(INPUT DATA begins)

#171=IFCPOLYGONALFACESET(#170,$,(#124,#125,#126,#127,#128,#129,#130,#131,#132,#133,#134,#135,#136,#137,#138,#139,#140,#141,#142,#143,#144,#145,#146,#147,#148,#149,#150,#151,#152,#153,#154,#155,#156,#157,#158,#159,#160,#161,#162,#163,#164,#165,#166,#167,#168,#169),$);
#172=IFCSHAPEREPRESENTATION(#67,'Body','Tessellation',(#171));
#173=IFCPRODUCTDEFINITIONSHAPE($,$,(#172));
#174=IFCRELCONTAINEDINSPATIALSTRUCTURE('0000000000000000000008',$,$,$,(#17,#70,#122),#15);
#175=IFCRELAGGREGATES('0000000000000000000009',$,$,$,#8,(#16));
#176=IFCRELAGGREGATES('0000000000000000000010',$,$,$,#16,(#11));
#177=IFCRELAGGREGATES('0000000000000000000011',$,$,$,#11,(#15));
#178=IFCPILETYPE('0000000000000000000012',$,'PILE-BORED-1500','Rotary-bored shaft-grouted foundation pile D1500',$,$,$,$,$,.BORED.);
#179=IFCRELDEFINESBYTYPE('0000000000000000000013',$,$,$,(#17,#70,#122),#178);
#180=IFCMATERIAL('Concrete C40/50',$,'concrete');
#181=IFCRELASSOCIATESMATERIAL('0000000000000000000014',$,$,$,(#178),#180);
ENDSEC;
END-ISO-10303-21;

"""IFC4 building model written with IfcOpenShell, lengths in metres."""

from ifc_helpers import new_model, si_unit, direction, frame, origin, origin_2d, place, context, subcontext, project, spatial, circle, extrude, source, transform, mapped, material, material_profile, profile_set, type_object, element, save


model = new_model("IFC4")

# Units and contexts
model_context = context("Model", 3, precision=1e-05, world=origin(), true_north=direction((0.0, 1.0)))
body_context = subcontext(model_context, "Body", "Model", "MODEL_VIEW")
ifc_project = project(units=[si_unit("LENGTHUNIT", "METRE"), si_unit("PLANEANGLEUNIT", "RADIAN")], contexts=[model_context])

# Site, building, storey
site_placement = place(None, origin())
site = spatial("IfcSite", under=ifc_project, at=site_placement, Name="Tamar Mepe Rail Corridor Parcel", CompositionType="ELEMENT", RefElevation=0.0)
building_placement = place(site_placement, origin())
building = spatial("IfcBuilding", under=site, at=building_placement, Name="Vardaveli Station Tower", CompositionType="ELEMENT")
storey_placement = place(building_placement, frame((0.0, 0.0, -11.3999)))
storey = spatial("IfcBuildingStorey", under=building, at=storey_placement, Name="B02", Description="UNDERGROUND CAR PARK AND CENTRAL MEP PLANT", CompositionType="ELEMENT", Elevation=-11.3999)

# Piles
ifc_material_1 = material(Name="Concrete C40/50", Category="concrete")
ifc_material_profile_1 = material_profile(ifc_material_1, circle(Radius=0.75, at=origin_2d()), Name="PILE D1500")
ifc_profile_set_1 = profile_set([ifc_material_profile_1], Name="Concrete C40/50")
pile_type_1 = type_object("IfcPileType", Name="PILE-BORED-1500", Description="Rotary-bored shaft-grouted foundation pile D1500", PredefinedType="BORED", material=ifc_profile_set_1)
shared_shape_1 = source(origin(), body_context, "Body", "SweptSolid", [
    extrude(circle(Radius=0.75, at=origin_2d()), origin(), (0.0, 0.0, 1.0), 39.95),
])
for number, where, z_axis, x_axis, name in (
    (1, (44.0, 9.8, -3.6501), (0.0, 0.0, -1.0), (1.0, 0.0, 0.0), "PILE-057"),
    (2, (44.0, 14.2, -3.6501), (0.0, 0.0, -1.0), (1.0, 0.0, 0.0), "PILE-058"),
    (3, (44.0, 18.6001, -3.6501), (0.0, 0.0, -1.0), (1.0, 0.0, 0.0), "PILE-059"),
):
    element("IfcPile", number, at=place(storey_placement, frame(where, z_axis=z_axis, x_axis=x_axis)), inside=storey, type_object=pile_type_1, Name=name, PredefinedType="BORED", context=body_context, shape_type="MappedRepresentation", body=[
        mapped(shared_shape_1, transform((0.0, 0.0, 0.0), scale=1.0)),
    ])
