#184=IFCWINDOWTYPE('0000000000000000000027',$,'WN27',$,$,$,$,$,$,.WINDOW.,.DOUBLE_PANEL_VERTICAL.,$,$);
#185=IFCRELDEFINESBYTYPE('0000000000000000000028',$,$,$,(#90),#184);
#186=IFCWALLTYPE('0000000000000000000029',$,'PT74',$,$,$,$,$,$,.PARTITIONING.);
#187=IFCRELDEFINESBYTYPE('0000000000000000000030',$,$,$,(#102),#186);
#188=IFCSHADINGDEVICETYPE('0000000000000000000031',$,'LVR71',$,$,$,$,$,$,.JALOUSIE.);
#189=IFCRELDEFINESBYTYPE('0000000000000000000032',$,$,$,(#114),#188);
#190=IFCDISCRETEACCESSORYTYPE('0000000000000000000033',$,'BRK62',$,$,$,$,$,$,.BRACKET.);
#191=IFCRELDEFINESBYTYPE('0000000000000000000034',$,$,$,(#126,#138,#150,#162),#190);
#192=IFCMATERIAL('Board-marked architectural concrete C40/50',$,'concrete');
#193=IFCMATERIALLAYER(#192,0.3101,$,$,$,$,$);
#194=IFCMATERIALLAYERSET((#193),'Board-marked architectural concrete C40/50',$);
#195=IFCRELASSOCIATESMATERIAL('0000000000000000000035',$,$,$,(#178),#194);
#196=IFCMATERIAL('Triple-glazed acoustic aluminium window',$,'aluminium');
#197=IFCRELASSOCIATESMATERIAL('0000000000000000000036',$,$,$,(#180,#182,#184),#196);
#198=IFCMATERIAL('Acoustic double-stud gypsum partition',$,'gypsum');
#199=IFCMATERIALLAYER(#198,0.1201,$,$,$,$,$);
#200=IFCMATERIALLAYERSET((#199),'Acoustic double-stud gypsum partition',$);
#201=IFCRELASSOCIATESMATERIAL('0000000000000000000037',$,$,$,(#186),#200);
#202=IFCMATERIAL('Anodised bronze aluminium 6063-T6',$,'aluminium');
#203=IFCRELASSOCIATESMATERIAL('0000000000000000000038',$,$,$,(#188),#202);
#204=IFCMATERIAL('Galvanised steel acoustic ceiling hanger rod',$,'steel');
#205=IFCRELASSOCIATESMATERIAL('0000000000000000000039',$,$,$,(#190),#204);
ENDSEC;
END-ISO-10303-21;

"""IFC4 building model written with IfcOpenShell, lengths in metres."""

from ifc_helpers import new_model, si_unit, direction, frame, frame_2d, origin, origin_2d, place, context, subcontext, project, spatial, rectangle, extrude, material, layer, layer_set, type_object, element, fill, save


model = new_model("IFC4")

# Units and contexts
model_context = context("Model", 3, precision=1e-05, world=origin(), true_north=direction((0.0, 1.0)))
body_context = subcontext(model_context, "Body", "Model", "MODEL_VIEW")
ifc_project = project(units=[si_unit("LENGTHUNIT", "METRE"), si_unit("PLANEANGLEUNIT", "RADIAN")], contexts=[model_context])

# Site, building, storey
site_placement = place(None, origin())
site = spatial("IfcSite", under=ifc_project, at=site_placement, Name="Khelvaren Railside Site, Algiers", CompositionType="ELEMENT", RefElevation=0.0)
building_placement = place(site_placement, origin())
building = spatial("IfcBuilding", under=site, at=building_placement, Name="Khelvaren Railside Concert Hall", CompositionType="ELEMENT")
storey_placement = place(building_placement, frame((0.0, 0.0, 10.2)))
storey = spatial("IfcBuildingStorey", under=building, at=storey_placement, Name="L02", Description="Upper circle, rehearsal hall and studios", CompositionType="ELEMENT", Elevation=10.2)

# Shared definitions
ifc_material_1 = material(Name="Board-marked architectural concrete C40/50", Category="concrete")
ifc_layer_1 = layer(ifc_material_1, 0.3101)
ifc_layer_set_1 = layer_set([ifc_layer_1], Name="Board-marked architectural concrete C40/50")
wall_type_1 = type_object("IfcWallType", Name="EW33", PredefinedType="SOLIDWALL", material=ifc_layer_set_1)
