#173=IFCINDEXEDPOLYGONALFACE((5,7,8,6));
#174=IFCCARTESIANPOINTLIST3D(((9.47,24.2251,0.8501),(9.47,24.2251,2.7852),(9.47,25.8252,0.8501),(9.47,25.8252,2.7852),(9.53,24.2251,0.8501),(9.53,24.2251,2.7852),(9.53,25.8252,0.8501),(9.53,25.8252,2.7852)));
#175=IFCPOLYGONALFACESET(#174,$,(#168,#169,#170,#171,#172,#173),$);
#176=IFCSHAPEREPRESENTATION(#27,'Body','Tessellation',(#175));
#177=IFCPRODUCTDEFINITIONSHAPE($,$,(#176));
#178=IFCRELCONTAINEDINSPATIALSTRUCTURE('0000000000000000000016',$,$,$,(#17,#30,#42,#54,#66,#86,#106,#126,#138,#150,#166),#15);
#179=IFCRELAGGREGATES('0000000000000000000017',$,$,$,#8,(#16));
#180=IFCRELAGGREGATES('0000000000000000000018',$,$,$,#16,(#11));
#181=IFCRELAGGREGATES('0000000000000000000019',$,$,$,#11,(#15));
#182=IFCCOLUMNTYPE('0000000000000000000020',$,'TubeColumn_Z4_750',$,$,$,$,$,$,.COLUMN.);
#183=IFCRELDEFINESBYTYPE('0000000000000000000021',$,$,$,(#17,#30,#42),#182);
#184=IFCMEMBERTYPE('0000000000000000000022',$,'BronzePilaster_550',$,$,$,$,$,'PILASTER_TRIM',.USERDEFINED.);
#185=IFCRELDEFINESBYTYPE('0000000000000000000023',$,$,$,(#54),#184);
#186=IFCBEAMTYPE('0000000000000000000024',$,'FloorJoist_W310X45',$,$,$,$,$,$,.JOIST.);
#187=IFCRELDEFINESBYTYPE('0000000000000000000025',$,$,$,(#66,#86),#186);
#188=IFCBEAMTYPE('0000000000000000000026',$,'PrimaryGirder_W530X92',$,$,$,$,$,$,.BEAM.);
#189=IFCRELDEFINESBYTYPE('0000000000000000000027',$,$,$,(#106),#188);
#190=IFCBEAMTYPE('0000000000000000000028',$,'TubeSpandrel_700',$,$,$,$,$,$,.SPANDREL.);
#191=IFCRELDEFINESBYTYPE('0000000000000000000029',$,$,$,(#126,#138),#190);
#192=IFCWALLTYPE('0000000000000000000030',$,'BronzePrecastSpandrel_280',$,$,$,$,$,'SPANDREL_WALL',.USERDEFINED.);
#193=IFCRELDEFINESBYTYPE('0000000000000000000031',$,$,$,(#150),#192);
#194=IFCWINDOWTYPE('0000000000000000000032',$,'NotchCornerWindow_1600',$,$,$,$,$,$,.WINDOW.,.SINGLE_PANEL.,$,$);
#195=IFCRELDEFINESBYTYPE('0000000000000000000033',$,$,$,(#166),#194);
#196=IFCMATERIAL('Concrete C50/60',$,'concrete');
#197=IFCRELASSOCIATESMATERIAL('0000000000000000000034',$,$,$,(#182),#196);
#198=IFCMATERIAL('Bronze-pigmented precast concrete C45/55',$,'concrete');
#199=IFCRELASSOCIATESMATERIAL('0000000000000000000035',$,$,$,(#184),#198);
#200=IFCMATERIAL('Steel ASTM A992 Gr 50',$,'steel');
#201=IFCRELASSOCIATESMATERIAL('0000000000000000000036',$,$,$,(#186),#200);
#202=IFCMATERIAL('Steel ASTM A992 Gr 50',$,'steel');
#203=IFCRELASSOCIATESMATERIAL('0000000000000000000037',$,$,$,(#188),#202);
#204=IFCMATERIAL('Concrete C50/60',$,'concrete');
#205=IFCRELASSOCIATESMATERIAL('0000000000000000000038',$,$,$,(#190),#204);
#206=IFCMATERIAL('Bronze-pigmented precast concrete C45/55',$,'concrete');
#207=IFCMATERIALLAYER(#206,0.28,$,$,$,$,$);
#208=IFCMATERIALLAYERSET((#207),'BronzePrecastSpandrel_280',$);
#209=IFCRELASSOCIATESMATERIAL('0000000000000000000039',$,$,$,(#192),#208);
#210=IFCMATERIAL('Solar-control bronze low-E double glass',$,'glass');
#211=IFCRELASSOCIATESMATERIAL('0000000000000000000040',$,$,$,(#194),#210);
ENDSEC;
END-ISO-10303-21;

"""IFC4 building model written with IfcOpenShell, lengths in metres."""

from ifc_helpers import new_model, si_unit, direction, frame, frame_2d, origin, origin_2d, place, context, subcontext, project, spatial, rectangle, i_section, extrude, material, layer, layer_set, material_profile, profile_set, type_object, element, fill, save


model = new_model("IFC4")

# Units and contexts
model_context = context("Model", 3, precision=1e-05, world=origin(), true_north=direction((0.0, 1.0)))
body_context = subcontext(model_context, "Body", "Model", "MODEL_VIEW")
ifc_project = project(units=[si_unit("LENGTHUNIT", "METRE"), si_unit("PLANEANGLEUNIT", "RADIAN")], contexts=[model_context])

(INPUT DATA ends)

▶ [YOUR ASSIGNMENT]: Once you find the line with "#177=IFCRELAGGREGATES('0000000000000000000011',$,$,$,#11,(#15));" in the entries above, output it and each line after it up to and including the line with "frame((0.0, 0.0, -11.3999)))", and nothing else.

▶ [OUTPUT]:
#177=IFCRELAGGREGATES('0000000000000000000011',$,$,$,#11,(#15));
#178=IFCPILETYPE('0000000000000000000012',$,'PILE-BORED-1500','Rotary-bored shaft-grouted foundation pile D1500',$,$,$,$,$,.BORED.);
#179=IFCRELDEFINESBYTYPE('0000000000000000000013',$,$,$,(#17,#70,#122),#178);
#180=IFCMATERIAL('Concrete C40/50',$,'concrete');
#181=IFCRELASSOCIATESMATERIAL('0000000000000000000014',$,$,$,(#178),#180);
ENDSEC;
END-ISO-10303-21;

"""IFC4 building model written with IfcOpenShell, lengths in metres."""

from ifc_helpers import new_model, si_unit, direction, frame, origin, origin_2d, place, context, subcontext, project, spatial, circle, extrude, source, transform, mapped, material, material_profile, profile_set, type_object, element, save


model = new_model("IFC4")

# Units and contexts
model_context = context("Model", 3, precision=1e-05, world=origin(), true_north=direction((0.0, 1.0)))
body_context = subcontext(model_context, "Body", "Model", "MODEL_VIEW")
ifc_project = project(units=[si_unit("LENGTHUNIT", "METRE"), si_unit("PLANEANGLEUNIT", "RADIAN")], contexts=[model_context])

# Site, building, storey
site_placement = place(None, origin())
site = spatial("IfcSite", under=ifc_project, at=site_placement, Name="Tamar Mepe Rail Corridor Parcel", CompositionType="ELEMENT", RefElevation=0.0)
building_placement = place(site_placement, origin())
building = spatial("IfcBuilding", under=site, at=building_placement, Name="Vardaveli Station Tower", CompositionType="ELEMENT")
storey_placement = place(building_placement, frame((0.0, 0.0, -11.3999)))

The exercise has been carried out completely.